*** Opening PROVIDED DATA ***

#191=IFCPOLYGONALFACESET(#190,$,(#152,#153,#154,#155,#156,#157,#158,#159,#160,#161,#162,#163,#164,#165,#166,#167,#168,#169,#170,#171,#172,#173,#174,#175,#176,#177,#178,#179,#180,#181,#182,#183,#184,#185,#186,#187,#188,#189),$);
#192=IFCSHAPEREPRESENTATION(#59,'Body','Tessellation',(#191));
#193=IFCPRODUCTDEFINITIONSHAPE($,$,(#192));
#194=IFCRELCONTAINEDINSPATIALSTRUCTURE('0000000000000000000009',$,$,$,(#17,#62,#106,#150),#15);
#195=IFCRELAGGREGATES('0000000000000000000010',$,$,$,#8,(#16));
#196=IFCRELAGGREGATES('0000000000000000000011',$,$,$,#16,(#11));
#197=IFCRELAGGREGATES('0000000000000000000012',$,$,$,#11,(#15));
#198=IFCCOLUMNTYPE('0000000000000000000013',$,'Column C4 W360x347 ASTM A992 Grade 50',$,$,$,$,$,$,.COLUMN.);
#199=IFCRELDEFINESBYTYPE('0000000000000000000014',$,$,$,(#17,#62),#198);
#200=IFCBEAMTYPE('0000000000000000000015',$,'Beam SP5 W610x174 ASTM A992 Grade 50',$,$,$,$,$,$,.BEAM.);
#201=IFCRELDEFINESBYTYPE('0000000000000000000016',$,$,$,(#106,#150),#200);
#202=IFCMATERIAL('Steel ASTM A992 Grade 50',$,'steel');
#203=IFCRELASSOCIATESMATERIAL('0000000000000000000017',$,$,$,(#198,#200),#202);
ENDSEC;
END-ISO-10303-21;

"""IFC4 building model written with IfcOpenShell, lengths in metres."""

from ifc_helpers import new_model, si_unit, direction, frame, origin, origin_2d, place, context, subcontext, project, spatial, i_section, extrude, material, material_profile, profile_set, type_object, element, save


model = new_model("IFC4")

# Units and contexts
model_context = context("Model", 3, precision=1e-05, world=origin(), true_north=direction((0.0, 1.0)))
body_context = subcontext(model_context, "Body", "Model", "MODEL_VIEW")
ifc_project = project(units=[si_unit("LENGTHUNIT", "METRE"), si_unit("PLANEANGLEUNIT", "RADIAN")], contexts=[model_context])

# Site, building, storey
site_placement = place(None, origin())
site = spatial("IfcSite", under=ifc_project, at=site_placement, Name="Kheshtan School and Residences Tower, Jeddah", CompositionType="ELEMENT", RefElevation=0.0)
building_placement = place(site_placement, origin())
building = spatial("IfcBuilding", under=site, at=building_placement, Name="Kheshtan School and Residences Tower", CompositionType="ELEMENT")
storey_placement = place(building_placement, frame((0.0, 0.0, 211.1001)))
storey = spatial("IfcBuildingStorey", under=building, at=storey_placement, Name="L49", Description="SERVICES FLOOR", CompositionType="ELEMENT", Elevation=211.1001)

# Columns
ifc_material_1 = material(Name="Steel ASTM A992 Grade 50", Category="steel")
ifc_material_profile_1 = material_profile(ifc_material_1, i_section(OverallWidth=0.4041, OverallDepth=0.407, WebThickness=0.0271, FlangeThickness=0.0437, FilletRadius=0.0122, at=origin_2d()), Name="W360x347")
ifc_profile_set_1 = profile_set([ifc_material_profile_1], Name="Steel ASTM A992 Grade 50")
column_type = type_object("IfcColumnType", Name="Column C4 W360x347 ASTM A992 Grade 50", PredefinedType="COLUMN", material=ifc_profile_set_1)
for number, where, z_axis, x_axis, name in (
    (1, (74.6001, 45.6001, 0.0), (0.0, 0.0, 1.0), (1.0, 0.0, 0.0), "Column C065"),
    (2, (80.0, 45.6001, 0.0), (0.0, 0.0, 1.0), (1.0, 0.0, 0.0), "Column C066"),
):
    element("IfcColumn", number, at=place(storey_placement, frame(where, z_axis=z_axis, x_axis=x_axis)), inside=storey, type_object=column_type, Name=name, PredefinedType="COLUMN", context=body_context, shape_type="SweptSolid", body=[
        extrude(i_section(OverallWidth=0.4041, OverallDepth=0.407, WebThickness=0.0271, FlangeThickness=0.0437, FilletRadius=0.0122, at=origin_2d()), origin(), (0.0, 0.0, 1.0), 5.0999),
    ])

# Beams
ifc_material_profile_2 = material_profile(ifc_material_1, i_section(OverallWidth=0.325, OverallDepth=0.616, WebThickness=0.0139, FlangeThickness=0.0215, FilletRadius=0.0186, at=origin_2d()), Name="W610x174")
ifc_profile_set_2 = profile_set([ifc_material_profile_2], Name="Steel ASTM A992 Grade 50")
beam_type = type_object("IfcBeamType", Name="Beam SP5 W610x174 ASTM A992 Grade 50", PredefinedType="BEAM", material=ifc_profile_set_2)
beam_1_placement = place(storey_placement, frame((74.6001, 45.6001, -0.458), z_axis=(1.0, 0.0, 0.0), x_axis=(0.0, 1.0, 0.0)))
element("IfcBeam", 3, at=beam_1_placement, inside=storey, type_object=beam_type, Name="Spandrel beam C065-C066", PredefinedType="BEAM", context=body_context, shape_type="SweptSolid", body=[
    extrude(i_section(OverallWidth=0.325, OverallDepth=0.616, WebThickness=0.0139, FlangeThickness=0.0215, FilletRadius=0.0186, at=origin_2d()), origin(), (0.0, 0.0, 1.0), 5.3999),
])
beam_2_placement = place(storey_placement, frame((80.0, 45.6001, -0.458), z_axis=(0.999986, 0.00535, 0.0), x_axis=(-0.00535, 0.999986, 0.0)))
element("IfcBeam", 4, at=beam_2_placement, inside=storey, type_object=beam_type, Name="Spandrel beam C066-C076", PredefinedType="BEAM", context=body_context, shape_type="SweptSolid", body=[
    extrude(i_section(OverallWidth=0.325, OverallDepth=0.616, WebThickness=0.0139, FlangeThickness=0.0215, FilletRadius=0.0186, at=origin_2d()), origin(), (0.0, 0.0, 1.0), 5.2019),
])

*** Closing PROVIDED DATA ***

In the listing above, find every line with the string "direction" and state how many there are, with no other words.

▸ **ANSWER FOR THIS EXERCISE**
2